THE DATA.
####

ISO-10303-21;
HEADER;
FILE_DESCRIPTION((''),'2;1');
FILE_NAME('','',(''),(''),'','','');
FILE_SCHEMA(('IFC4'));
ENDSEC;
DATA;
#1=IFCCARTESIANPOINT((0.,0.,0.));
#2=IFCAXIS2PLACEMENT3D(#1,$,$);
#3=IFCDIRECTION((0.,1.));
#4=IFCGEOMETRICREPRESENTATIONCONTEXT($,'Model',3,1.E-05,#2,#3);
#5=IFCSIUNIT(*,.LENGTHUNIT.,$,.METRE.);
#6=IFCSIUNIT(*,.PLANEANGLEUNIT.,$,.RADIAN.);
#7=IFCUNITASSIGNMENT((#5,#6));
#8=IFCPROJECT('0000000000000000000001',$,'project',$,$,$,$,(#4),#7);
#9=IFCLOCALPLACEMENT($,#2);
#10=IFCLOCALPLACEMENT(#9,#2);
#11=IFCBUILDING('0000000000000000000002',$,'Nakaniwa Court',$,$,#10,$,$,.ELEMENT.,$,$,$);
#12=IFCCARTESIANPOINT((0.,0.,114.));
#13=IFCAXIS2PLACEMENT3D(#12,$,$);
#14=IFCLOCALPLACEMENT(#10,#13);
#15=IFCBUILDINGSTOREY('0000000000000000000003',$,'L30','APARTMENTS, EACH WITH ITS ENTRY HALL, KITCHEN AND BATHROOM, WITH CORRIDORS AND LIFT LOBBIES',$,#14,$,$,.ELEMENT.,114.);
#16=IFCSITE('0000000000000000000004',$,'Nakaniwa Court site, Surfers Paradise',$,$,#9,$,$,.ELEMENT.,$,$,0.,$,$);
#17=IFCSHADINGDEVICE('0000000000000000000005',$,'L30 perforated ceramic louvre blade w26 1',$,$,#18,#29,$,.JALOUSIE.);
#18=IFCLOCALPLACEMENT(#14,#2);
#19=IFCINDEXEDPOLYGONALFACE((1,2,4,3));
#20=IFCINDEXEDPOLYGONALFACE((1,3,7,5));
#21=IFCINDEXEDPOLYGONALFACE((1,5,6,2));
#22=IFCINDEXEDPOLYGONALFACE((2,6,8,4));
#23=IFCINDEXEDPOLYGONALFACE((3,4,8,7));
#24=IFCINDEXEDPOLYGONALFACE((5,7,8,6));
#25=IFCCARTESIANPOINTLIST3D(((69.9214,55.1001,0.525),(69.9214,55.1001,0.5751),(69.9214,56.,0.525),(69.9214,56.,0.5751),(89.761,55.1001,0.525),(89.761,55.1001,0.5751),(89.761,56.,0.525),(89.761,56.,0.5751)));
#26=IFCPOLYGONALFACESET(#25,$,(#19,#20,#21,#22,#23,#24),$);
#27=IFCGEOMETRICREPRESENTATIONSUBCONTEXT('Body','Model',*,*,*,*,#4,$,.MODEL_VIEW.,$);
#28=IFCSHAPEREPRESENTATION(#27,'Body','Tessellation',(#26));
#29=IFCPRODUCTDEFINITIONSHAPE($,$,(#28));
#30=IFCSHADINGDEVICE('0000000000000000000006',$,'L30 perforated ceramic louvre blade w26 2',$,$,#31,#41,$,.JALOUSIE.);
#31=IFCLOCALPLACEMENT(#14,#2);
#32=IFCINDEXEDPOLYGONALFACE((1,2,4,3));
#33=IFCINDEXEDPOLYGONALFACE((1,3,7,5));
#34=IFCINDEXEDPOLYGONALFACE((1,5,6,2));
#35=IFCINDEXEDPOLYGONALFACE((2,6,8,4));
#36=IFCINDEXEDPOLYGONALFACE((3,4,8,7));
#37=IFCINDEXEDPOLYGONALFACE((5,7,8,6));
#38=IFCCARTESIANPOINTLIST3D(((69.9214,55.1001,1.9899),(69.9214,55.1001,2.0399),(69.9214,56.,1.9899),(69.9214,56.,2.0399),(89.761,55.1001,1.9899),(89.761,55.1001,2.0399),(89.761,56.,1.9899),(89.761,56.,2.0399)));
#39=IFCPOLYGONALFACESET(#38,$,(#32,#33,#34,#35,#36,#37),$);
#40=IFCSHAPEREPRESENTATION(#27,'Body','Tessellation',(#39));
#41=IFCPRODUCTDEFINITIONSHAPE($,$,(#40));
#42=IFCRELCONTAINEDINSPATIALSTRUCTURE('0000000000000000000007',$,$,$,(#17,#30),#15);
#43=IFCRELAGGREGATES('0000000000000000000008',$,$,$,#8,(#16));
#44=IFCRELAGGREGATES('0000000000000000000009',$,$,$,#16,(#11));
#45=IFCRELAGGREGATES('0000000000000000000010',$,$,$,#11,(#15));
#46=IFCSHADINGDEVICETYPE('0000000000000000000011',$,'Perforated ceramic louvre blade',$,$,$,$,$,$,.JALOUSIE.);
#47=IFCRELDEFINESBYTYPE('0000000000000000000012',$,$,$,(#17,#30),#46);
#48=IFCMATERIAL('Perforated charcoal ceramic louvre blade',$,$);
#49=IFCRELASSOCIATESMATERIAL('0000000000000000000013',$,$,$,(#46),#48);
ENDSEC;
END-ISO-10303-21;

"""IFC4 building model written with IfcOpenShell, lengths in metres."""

from ifc_helpers import new_model, si_unit, direction, frame, origin, origin_2d, place, context, subcontext, project, spatial, rectangle, extrude, material, material_profile, profile_set, type_object, element, save


model = new_model("IFC4")

# Units and contexts
model_context = context("Model", 3, precision=1e-05, world=origin(), true_north=direction((0.0, 1.0)))
body_context = subcontext(model_context, "Body", "Model", "MODEL_VIEW")
ifc_project = project(units=[si_unit("LENGTHUNIT", "METRE"), si_unit("PLANEANGLEUNIT", "RADIAN")], contexts=[model_context])

# Site, building, storey
site_placement = place(None, origin())
site = spatial("IfcSite", under=ifc_project, at=site_placement, Name="Nakaniwa Court site, Surfers Paradise", CompositionType="ELEMENT", RefElevation=0.0)
building_placement = place(site_placement, origin())
building = spatial("IfcBuilding", under=site, at=building_placement, Name="Nakaniwa Court", CompositionType="ELEMENT")
storey_placement = place(building_placement, frame((0.0, 0.0, 114.0)))
storey = spatial("IfcBuildingStorey", under=building, at=storey_placement, Name="L30", Description="APARTMENTS, EACH WITH ITS ENTRY HALL, KITCHEN AND BATHROOM, WITH CORRIDORS AND LIFT LOBBIES", CompositionType="ELEMENT", Elevation=114.0)

# Shading devices
ifc_material_1 = material(Name="Perforated charcoal ceramic louvre blade")
ifc_material_profile_1 = material_profile(ifc_material_1, rectangle(XDim=0.8999, YDim=0.05, at=origin_2d()), Name="Perforated ceramic louvre blade")
ifc_profile_set_1 = profile_set([ifc_material_profile_1], Name="Perforated charcoal ceramic louvre blade")
shading_device_type = type_object("IfcShadingDeviceType", Name="Perforated ceramic louvre blade", PredefinedType="JALOUSIE", material=ifc_profile_set_1)
for number, where, z_axis, x_axis, name in (
    (1, (69.9214, 55.55, 0.55), (1.0, 0.0, 0.0), (0.0, 1.0, 0.0), "L30 perforated ceramic louvre blade w26 1"),
    (2, (69.9214, 55.55, 2.0149), (1.0, 0.0, 0.0), (0.0, 1.0, 0.0), "L30 perforated ceramic louvre blade w26 2"),
):
    element("IfcShadingDevice", number, at=place(storey_placement, frame(where, z_axis=z_axis, x_axis=x_axis)), inside=storey, type_object=shading_device_type, Name=name, PredefinedType="JALOUSIE", context=body_context, shape_type="SweptSolid", body=[
        extrude(rectangle(XDim=0.8999, YDim=0.05, at=origin_2d()), origin(), (0.0, 0.0, 1.0), 19.8396),
    ])

save(model, "model.ifc")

####

WHAT YOU HAVE TO DO. Find the string "IFCPRODUCTDEFINITIONSHAPE" in the records, then copy each line where it occurs.

EXPECTED ANSWER.
#29=IFCPRODUCTDEFINITIONSHAPE($,$,(#28));
#41=IFCPRODUCTDEFINITIONSHAPE($,$,(#40));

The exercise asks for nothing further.